::: Data section

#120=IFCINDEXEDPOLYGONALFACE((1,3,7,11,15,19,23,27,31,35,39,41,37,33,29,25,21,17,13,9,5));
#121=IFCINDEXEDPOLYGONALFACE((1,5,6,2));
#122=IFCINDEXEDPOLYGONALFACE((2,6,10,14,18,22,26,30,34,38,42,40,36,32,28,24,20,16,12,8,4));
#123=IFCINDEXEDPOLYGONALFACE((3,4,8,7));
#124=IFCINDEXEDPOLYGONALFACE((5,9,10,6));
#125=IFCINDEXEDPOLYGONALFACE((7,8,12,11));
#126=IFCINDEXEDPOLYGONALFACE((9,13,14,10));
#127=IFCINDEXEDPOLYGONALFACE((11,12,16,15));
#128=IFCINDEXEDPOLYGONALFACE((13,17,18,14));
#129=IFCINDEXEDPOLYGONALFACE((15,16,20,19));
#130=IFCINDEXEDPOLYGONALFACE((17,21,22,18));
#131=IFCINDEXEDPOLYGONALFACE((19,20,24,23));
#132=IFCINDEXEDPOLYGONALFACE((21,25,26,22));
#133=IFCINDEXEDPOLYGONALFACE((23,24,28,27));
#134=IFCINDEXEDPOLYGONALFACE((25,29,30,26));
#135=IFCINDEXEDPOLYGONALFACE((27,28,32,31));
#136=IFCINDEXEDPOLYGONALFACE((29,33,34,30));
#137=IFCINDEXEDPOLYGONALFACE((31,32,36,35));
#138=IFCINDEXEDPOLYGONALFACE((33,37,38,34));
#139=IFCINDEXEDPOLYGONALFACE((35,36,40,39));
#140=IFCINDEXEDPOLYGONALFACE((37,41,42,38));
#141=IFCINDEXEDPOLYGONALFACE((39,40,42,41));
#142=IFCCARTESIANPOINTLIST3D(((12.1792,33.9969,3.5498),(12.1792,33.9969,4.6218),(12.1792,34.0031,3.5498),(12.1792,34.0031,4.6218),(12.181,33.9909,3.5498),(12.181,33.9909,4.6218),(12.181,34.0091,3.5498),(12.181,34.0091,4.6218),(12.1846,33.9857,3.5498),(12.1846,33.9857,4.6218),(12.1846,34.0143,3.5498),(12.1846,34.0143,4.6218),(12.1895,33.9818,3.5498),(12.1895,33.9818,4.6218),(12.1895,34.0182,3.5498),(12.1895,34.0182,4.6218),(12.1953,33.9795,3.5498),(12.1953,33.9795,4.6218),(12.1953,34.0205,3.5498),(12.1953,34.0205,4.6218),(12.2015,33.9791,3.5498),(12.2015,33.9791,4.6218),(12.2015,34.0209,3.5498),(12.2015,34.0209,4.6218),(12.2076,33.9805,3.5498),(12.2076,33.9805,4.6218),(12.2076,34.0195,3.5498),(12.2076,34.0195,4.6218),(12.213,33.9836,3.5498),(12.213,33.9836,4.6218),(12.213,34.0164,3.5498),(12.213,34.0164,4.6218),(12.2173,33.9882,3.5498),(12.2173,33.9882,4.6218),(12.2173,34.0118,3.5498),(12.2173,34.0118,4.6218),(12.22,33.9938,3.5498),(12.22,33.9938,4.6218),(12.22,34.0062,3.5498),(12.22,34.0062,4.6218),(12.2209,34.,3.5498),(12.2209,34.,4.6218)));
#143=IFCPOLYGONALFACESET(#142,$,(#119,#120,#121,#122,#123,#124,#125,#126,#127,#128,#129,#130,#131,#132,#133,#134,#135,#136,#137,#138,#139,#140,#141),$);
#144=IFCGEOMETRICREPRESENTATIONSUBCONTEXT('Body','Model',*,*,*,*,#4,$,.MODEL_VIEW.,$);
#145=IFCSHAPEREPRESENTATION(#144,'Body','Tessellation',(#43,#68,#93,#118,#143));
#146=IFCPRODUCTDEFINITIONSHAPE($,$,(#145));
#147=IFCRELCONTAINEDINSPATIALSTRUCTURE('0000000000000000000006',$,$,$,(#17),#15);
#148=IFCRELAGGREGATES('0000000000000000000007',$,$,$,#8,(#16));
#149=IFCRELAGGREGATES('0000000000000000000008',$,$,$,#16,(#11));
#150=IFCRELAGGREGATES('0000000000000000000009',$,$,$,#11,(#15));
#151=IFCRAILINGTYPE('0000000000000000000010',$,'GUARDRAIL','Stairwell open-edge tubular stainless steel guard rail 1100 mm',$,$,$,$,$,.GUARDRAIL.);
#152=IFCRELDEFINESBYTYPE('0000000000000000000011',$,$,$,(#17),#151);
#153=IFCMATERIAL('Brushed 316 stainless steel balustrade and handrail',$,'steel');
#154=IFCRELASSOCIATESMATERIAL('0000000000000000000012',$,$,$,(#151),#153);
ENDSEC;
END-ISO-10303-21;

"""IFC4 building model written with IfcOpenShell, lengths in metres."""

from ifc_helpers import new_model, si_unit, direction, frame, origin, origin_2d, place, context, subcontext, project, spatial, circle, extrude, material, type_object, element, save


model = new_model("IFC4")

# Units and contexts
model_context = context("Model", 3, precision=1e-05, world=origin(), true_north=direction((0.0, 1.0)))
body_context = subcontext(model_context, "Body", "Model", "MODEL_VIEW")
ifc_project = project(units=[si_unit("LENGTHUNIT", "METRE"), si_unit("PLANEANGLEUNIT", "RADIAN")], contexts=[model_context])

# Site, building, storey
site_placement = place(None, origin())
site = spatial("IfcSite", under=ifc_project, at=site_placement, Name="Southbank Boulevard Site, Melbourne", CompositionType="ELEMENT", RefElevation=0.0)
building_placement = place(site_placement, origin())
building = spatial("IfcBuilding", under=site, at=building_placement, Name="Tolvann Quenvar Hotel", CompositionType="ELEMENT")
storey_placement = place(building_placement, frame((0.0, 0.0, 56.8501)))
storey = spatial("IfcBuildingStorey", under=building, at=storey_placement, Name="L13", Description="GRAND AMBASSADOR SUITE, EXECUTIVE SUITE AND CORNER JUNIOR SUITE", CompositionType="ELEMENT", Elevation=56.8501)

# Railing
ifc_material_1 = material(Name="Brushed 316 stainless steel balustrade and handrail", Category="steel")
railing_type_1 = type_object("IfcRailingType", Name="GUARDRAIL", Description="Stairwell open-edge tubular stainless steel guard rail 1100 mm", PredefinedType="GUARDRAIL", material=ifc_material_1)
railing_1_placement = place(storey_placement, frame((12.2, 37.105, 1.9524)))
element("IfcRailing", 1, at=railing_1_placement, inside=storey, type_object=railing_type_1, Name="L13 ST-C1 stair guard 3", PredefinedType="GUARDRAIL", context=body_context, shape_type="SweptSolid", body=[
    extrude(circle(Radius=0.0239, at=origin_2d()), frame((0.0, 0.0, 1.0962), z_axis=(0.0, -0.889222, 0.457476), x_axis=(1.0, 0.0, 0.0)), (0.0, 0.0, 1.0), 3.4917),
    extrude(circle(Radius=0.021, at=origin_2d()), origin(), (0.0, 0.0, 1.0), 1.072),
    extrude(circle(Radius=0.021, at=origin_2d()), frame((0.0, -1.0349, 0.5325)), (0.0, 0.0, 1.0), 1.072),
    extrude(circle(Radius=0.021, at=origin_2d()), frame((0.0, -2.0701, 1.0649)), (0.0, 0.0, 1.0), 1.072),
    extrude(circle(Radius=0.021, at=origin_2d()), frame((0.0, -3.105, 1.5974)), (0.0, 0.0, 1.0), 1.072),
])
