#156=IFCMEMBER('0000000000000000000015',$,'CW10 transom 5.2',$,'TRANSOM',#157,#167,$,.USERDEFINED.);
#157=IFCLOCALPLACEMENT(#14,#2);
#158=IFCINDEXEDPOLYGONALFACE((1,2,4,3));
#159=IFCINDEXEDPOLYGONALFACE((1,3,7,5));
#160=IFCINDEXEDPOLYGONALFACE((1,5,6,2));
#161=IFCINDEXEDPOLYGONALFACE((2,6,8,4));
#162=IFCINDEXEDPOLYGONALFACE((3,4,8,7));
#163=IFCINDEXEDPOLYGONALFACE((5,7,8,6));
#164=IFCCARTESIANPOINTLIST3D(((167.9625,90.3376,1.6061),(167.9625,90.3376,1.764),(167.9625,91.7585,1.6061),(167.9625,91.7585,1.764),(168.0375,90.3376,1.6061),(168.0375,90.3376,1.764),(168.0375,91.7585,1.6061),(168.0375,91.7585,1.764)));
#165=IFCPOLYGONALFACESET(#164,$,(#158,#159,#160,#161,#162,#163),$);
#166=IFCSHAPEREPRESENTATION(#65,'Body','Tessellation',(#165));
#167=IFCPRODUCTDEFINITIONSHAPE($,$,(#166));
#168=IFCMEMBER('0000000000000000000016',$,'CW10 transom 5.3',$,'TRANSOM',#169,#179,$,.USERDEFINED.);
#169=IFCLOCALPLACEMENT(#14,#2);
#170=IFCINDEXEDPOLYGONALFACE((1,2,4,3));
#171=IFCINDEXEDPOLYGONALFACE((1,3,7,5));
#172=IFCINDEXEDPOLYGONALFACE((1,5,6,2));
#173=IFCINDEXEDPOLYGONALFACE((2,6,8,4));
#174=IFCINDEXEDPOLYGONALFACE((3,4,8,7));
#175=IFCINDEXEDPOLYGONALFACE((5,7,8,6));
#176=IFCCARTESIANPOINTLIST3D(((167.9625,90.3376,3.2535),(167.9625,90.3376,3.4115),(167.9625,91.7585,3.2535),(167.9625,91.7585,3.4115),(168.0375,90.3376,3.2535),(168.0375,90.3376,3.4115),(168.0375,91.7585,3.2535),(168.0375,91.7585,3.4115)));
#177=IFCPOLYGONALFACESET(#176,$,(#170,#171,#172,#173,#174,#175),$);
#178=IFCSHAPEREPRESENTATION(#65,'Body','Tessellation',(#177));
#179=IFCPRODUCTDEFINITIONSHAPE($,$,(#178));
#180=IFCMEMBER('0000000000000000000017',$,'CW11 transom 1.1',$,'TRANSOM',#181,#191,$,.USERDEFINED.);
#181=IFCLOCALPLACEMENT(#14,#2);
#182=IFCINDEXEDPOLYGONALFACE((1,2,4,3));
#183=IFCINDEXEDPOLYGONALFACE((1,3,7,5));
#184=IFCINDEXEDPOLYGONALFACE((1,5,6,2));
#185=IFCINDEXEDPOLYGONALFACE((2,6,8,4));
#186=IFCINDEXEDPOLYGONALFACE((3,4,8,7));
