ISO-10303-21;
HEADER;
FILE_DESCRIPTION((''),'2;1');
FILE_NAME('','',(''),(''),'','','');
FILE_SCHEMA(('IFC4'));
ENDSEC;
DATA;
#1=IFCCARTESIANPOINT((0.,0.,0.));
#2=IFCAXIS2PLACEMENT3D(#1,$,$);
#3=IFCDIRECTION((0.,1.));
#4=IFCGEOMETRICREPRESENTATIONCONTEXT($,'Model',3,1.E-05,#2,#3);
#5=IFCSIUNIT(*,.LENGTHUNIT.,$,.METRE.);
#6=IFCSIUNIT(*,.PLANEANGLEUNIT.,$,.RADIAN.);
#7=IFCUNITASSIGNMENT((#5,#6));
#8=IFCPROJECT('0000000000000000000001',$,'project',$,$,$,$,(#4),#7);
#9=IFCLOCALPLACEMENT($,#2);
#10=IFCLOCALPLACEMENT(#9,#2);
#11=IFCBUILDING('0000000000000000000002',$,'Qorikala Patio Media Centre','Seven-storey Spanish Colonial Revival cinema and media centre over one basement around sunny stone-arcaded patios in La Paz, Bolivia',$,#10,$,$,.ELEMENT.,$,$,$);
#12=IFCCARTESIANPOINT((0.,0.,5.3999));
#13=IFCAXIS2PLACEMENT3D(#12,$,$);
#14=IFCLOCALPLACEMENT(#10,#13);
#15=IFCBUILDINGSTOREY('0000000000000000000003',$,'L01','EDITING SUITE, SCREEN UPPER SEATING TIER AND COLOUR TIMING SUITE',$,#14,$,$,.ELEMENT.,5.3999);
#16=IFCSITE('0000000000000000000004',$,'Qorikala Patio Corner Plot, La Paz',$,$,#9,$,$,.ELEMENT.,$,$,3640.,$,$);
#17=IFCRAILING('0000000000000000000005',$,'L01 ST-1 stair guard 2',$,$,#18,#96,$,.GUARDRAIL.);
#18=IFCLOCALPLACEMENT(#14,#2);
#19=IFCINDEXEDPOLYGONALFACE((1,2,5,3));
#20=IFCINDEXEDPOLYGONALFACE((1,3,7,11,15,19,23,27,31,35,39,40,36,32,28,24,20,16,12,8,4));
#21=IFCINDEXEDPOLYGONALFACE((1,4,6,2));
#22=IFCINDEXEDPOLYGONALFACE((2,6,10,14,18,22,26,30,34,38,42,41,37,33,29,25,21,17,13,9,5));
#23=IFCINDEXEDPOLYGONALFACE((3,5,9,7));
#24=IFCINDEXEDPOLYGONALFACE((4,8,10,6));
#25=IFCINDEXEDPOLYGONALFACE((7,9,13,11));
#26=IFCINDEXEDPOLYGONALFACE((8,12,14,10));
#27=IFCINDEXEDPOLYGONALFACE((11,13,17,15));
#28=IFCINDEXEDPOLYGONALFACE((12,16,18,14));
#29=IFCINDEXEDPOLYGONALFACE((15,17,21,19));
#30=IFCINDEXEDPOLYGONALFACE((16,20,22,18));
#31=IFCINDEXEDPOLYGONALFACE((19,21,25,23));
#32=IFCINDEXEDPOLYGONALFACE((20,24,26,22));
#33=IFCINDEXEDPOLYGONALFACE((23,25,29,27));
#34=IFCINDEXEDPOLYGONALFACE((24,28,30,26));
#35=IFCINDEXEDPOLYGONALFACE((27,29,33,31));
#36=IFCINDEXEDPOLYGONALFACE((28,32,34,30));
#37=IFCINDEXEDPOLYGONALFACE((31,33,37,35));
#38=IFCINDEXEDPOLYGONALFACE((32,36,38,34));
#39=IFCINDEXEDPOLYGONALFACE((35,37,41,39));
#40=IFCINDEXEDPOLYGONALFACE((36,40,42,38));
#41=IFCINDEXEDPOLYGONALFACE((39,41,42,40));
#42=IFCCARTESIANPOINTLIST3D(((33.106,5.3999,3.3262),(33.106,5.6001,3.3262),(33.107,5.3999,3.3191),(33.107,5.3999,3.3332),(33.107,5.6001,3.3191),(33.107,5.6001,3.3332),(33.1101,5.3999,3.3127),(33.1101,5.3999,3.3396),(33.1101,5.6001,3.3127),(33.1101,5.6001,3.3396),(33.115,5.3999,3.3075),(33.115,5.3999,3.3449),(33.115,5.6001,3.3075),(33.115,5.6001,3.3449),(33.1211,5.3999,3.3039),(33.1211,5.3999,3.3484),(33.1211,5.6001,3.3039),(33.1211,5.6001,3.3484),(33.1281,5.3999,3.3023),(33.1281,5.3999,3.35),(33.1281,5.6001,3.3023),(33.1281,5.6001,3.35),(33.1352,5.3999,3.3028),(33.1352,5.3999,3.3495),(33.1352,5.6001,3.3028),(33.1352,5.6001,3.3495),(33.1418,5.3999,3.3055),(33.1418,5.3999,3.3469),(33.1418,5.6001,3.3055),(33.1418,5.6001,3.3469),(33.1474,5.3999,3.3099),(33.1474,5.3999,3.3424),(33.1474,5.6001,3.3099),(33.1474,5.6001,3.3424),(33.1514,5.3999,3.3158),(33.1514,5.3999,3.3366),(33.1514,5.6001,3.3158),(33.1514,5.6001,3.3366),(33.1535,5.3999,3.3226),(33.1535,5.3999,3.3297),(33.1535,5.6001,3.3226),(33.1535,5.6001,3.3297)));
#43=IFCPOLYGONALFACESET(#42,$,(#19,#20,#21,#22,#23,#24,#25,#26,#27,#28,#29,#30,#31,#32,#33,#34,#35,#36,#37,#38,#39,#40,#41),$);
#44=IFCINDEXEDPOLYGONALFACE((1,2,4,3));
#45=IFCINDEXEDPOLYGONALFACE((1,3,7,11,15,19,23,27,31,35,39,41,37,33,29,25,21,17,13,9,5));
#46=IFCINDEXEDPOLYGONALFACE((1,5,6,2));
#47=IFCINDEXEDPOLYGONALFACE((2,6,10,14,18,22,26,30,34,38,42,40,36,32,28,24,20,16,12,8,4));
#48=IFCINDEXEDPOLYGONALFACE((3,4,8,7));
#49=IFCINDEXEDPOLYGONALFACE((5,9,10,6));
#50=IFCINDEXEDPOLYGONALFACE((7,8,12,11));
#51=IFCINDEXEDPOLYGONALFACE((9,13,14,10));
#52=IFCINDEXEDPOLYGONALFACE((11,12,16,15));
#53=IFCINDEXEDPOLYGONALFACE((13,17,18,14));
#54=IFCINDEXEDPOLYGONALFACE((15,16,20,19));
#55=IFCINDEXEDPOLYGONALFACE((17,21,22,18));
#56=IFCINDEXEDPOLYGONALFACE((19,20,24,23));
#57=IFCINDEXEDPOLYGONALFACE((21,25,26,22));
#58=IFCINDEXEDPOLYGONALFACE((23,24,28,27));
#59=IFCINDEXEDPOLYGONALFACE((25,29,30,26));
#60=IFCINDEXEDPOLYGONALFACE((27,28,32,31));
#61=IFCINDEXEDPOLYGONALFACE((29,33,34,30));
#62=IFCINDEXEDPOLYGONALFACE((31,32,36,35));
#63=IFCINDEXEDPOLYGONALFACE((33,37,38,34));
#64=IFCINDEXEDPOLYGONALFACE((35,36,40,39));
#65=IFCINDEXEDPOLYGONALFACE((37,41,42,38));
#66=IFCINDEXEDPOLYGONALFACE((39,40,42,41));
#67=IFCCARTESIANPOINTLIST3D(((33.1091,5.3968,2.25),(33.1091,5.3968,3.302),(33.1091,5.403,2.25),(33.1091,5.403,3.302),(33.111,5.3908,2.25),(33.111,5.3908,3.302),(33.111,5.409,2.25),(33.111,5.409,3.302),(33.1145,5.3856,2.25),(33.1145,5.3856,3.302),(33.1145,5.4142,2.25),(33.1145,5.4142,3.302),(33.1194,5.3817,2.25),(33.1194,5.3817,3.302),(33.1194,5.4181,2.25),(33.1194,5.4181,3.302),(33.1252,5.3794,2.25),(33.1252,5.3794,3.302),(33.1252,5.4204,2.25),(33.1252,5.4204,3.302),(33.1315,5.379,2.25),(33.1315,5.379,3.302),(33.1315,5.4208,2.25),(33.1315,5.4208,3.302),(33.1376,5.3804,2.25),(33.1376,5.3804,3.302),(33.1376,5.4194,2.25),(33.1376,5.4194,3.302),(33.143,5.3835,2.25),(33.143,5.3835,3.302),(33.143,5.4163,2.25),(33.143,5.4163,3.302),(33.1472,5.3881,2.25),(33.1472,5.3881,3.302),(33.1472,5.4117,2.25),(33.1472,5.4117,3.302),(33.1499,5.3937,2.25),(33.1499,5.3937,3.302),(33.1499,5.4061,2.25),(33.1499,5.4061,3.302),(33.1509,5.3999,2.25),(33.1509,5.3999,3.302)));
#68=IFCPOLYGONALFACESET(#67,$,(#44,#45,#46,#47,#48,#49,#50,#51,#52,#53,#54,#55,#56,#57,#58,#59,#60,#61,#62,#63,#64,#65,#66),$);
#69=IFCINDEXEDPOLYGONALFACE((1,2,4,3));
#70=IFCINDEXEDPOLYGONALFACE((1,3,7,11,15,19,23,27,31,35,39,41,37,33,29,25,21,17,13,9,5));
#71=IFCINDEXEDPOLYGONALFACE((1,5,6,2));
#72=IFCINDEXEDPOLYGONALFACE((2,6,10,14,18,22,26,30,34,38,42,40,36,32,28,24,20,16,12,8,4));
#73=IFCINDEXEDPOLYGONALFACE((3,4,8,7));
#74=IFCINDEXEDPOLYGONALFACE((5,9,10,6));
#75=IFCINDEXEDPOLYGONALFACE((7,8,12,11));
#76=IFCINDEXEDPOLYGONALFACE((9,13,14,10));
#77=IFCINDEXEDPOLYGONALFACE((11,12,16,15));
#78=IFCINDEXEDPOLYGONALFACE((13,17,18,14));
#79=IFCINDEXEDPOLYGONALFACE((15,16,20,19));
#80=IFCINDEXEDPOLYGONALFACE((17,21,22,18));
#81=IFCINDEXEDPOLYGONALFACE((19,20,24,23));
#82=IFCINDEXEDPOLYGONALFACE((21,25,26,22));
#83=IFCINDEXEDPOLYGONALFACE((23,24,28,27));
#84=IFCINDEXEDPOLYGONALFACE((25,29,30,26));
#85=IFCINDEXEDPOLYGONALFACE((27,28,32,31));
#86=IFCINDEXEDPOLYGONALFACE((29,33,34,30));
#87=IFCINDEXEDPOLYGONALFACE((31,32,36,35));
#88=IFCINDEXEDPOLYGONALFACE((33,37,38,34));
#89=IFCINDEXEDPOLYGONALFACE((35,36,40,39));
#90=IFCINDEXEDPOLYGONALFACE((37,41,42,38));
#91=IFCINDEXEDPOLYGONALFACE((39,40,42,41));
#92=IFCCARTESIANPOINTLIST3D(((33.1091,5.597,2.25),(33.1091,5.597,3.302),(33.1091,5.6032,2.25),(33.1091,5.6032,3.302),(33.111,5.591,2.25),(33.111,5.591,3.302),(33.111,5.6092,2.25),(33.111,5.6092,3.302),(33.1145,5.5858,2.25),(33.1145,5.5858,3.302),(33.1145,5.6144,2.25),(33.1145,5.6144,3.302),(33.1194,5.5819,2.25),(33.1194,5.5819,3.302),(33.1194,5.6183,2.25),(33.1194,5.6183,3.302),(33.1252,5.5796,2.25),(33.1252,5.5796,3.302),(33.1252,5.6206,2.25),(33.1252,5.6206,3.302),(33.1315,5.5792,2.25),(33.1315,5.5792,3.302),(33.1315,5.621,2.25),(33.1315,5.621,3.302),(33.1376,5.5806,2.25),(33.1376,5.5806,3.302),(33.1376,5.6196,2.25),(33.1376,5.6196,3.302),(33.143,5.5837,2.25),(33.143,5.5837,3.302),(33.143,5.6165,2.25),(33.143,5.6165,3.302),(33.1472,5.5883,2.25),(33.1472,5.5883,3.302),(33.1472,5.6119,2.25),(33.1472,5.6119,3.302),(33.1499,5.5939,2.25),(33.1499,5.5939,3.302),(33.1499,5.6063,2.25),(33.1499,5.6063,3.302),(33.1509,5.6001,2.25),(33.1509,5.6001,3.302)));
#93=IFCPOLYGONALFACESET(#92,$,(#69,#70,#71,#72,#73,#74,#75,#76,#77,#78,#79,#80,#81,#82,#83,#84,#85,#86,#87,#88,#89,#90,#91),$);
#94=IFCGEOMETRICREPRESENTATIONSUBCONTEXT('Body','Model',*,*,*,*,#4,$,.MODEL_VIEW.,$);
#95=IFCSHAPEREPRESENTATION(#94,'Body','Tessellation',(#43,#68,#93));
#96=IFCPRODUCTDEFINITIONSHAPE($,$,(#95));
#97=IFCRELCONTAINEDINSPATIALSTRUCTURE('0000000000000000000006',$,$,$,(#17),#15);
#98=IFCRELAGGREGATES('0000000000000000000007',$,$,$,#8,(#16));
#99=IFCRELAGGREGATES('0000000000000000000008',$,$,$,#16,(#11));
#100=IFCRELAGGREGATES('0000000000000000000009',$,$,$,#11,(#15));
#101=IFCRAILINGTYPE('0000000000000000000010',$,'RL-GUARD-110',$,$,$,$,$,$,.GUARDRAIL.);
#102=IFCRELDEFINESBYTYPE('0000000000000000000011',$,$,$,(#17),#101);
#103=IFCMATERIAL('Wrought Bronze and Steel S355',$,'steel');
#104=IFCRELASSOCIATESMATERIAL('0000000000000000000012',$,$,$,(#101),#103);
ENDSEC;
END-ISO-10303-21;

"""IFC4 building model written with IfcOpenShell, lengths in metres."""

from ifc_helpers import new_model, si_unit, direction, frame, origin, origin_2d, place, context, subcontext, project, spatial, circle, extrude, material, type_object, element, save


model = new_model("IFC4")

# Units and contexts
model_context = context("Model", 3, precision=1e-05, world=origin(), true_north=direction((0.0, 1.0)))
body_context = subcontext(model_context, "Body", "Model", "MODEL_VIEW")
ifc_project = project(units=[si_unit("LENGTHUNIT", "METRE"), si_unit("PLANEANGLEUNIT", "RADIAN")], contexts=[model_context])

# Site, building, storey
site_placement = place(None, origin())
site = spatial("IfcSite", under=ifc_project, at=site_placement, Name="Qorikala Patio Corner Plot, La Paz", CompositionType="ELEMENT", RefElevation=3640.0)
building_placement = place(site_placement, origin())
building = spatial("IfcBuilding", under=site, at=building_placement, Name="Qorikala Patio Media Centre", Description="Seven-storey Spanish Colonial Revival cinema and media centre over one basement around sunny stone-arcaded patios in La Paz, Bolivia", CompositionType="ELEMENT")
storey_placement = place(building_placement, frame((0.0, 0.0, 5.3999)))
storey = spatial("IfcBuildingStorey", under=building, at=storey_placement, Name="L01", Description="EDITING SUITE, SCREEN UPPER SEATING TIER AND COLOUR TIMING SUITE", CompositionType="ELEMENT", Elevation=5.3999)

# Railing
ifc_material_1 = material(Name="Wrought Bronze and Steel S355", Category="steel")
railing_type_1 = type_object("IfcRailingType", Name="RL-GUARD-110", PredefinedType="GUARDRAIL", material=ifc_material_1)
railing_1_placement = place(storey_placement, frame((33.1299, 5.3999, 2.25)))
element("IfcRailing", 1, at=railing_1_placement, inside=storey, type_object=railing_type_1, Name="L01 ST-1 stair guard 2", PredefinedType="GUARDRAIL", context=body_context, shape_type="SweptSolid", body=[
    extrude(circle(Radius=0.0239, at=origin_2d()), frame((0.0, 0.0, 1.0762), z_axis=(0.0, 1.0, 0.0), x_axis=(-1.0, 0.0, 0.0)), (0.0, 0.0, 1.0), 0.2002),
    extrude(circle(Radius=0.021, at=origin_2d()), origin(), (0.0, 0.0, 1.0), 1.052),
    extrude(circle(Radius=0.021, at=origin_2d()), frame((0.0, 0.2002, 0.0)), (0.0, 0.0, 1.0), 1.052),
])

save(model, "model.ifc")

::::::

* Work instructions:
Bring together all lines in the records where the word "IFCMEMBER" is found.

* Solution to this task:
#156=IFCMEMBER('0000000000000000000015',$,'CW10 transom 5.2',$,'TRANSOM',#157,#167,$,.USERDEFINED.);
#168=IFCMEMBER('0000000000000000000016',$,'CW10 transom 5.3',$,'TRANSOM',#169,#179,$,.USERDEFINED.);
#180=IFCMEMBER('0000000000000000000017',$,'CW11 transom 1.1',$,'TRANSOM',#181,#191,$,.USERDEFINED.);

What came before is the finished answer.